WORK TASK:
In the listing below, print exactly the lines between the line holding "#169=IFCINDEXEDPOLYGONALFACE((41,42,46,45));" and the line holding "#181=IFCINDEXEDPOLYGONALFACE((65,66,68,67));", inclusive, and no more.

EXERCISE INPUT:
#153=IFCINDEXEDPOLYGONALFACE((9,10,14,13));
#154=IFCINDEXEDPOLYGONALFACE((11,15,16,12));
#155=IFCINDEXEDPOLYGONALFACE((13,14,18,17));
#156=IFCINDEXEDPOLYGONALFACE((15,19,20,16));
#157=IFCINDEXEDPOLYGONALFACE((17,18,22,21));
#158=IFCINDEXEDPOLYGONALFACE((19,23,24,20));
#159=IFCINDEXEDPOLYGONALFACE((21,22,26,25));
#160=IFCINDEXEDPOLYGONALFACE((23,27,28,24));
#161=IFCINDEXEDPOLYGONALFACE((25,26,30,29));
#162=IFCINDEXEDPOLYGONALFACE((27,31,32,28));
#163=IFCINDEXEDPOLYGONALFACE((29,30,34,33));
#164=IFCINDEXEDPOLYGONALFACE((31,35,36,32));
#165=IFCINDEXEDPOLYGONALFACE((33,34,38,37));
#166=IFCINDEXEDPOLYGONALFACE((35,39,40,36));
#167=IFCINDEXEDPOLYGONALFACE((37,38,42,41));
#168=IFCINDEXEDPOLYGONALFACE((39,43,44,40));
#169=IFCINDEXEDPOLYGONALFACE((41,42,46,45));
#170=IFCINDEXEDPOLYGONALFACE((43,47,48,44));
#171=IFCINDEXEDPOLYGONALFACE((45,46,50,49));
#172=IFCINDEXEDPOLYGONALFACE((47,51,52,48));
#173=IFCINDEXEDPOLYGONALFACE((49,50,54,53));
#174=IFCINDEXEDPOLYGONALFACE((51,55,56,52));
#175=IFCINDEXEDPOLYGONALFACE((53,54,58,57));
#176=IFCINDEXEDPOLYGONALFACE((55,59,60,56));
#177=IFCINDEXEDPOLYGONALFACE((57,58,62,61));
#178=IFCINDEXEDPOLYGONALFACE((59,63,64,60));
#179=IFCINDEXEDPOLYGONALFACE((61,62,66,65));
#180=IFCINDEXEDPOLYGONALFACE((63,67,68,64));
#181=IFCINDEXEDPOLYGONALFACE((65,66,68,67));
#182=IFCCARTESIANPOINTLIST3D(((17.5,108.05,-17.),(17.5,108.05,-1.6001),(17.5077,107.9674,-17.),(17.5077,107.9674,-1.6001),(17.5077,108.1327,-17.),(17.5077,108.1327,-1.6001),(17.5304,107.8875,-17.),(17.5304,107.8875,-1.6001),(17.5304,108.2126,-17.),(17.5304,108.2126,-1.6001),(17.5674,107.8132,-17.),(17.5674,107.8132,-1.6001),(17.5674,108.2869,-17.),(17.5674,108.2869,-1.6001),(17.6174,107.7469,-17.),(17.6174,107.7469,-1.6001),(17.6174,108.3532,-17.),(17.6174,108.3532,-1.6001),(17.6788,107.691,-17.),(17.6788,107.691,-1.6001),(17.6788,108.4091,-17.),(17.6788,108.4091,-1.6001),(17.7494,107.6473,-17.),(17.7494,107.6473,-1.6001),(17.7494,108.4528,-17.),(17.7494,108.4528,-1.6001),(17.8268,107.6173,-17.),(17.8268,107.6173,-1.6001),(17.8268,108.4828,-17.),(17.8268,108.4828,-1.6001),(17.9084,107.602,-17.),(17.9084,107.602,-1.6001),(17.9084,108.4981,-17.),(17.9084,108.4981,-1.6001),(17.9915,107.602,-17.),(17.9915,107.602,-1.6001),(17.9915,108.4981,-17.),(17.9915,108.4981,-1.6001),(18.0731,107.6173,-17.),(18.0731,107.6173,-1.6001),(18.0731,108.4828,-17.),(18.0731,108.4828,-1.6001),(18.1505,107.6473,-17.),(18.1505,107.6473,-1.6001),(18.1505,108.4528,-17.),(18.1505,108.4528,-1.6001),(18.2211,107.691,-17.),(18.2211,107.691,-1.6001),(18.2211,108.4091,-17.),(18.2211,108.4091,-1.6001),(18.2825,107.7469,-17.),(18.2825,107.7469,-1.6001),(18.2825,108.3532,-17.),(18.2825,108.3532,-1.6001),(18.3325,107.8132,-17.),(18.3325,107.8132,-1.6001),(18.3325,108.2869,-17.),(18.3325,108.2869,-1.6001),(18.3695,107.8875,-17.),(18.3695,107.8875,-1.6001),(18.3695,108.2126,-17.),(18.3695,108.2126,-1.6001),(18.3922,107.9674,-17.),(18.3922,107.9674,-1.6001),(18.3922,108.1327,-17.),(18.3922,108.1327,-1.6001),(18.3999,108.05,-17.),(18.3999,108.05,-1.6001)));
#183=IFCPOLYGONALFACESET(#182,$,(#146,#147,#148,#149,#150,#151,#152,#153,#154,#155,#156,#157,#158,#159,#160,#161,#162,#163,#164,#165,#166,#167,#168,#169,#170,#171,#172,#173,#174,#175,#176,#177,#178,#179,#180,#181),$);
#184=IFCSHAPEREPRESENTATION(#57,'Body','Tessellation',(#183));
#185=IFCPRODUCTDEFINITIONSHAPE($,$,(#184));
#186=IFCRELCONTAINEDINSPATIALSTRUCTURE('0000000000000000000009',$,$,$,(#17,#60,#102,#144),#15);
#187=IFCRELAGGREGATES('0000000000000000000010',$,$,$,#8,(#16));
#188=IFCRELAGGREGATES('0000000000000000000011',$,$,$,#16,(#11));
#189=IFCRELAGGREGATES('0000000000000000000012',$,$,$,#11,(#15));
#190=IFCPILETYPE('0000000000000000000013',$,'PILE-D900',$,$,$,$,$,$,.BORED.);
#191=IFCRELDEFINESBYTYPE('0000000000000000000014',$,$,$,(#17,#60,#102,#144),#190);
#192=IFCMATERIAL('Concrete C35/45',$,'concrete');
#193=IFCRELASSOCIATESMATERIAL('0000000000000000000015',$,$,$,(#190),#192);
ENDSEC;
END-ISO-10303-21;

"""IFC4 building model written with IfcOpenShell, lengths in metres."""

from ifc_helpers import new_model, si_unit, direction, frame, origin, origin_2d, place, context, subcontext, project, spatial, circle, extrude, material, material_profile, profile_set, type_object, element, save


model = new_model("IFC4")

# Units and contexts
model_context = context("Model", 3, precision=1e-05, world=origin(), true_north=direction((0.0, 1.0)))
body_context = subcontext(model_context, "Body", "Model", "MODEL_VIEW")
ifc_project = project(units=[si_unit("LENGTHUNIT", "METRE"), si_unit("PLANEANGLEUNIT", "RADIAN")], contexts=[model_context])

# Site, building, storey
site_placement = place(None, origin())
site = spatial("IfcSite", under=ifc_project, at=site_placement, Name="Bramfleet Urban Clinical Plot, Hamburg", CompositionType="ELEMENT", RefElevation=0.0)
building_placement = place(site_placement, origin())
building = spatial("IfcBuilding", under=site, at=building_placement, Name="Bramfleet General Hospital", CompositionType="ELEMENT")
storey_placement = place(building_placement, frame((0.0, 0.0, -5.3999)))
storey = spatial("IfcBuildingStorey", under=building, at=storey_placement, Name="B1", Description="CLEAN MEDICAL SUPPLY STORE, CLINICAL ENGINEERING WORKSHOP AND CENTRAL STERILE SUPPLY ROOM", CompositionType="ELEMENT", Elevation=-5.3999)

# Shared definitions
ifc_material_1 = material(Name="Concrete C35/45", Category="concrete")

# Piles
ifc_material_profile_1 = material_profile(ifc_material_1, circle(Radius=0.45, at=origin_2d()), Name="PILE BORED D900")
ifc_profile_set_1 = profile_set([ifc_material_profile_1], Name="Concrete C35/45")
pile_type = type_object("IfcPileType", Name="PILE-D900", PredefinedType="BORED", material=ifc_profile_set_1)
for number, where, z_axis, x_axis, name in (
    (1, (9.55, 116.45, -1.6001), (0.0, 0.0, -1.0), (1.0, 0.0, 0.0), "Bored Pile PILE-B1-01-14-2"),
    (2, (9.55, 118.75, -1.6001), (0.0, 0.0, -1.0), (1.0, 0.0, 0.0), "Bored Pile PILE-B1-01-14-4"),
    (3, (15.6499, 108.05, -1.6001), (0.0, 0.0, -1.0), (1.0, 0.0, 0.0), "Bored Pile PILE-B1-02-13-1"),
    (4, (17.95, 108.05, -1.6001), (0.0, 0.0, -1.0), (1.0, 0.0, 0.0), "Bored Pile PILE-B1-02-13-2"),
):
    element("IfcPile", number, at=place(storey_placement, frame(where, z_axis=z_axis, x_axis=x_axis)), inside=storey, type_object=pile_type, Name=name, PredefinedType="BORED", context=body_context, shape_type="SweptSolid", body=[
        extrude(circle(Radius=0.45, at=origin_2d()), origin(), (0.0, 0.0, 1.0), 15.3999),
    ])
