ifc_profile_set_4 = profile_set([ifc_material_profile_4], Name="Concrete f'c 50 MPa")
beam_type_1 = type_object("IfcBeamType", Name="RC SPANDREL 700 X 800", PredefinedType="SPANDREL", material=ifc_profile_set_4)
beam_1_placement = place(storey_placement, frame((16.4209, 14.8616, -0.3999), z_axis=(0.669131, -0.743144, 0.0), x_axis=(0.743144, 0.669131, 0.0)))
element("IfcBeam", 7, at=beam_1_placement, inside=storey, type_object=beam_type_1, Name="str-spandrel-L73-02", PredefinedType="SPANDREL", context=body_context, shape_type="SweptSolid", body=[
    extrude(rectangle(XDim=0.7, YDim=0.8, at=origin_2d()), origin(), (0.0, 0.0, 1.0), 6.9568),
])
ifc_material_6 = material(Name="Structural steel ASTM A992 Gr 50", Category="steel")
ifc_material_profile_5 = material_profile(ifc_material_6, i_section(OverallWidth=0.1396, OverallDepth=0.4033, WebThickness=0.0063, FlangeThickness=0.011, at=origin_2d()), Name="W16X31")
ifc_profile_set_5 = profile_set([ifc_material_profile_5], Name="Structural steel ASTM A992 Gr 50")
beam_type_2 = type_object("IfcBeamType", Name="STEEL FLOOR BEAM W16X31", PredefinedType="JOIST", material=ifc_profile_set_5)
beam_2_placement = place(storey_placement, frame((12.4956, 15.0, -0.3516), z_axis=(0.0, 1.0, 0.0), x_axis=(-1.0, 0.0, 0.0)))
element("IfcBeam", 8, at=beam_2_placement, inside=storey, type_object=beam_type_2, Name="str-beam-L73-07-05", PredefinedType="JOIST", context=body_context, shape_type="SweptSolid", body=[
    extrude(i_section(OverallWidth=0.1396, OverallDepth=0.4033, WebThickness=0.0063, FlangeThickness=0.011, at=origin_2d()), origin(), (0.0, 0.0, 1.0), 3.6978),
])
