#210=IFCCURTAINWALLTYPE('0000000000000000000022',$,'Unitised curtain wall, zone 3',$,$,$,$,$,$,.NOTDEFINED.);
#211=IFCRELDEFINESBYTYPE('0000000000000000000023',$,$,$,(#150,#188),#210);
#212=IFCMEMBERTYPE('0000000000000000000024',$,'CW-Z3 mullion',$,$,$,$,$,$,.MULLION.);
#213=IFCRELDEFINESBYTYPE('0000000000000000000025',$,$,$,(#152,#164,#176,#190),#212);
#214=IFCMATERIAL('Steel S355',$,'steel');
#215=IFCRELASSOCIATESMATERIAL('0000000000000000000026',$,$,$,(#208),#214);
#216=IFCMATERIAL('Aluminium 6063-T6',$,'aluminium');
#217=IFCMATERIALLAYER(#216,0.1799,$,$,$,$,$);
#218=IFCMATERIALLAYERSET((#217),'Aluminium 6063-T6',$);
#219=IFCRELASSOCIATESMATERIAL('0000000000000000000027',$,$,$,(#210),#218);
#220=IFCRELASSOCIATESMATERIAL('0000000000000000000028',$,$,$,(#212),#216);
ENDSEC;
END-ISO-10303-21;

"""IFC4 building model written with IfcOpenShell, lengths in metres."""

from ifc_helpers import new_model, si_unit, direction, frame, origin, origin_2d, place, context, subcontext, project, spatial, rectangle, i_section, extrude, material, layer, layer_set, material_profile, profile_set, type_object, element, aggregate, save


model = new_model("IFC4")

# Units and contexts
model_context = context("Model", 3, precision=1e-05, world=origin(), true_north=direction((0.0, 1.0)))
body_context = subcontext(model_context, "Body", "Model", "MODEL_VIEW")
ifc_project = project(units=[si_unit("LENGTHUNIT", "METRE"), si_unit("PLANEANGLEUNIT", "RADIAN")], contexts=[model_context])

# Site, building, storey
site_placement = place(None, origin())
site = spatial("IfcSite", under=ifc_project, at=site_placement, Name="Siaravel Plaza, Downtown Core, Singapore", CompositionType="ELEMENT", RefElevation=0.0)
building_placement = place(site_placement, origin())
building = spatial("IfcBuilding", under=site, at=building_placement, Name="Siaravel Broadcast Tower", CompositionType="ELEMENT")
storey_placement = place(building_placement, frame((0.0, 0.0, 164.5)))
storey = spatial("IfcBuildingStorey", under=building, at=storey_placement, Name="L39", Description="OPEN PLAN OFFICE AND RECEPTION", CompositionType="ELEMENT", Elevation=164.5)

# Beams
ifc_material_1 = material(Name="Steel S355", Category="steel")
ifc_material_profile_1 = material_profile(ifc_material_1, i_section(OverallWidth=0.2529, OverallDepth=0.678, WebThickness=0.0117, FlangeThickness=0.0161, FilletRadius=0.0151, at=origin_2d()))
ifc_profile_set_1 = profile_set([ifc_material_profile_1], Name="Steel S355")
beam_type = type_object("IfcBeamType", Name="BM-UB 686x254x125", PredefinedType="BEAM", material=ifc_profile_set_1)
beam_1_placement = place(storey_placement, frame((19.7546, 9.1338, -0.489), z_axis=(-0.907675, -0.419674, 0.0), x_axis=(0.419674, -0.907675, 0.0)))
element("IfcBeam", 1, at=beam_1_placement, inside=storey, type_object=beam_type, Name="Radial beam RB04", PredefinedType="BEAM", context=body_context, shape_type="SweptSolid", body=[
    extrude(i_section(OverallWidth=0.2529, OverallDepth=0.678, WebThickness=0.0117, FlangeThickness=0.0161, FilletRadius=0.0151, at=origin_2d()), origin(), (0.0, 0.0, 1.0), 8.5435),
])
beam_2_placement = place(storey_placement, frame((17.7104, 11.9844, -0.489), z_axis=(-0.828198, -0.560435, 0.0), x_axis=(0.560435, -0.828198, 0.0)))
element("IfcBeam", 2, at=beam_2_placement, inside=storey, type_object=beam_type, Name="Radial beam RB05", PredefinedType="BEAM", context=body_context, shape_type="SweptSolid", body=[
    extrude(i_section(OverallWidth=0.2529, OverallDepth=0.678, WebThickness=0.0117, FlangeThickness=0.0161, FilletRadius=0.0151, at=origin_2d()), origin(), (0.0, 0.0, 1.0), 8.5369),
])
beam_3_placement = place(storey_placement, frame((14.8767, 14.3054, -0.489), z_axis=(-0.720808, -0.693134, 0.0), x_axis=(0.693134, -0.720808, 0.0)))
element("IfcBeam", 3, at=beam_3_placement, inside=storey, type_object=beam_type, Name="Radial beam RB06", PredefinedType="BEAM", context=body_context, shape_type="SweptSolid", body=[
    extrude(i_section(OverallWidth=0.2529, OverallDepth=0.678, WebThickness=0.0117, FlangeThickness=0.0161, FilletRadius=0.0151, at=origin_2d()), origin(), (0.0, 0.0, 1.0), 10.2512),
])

TASK ANSWER:
#169=IFCINDEXEDPOLYGONALFACE((41,42,46,45));
#170=IFCINDEXEDPOLYGONALFACE((43,47,48,44));
#171=IFCINDEXEDPOLYGONALFACE((45,46,50,49));
#172=IFCINDEXEDPOLYGONALFACE((47,51,52,48));
#173=IFCINDEXEDPOLYGONALFACE((49,50,54,53));
#174=IFCINDEXEDPOLYGONALFACE((51,55,56,52));
#175=IFCINDEXEDPOLYGONALFACE((53,54,58,57));
#176=IFCINDEXEDPOLYGONALFACE((55,59,60,56));
#177=IFCINDEXEDPOLYGONALFACE((57,58,62,61));
#178=IFCINDEXEDPOLYGONALFACE((59,63,64,60));
#179=IFCINDEXEDPOLYGONALFACE((61,62,66,65));
#180=IFCINDEXEDPOLYGONALFACE((63,67,68,64));
#181=IFCINDEXEDPOLYGONALFACE((65,66,68,67));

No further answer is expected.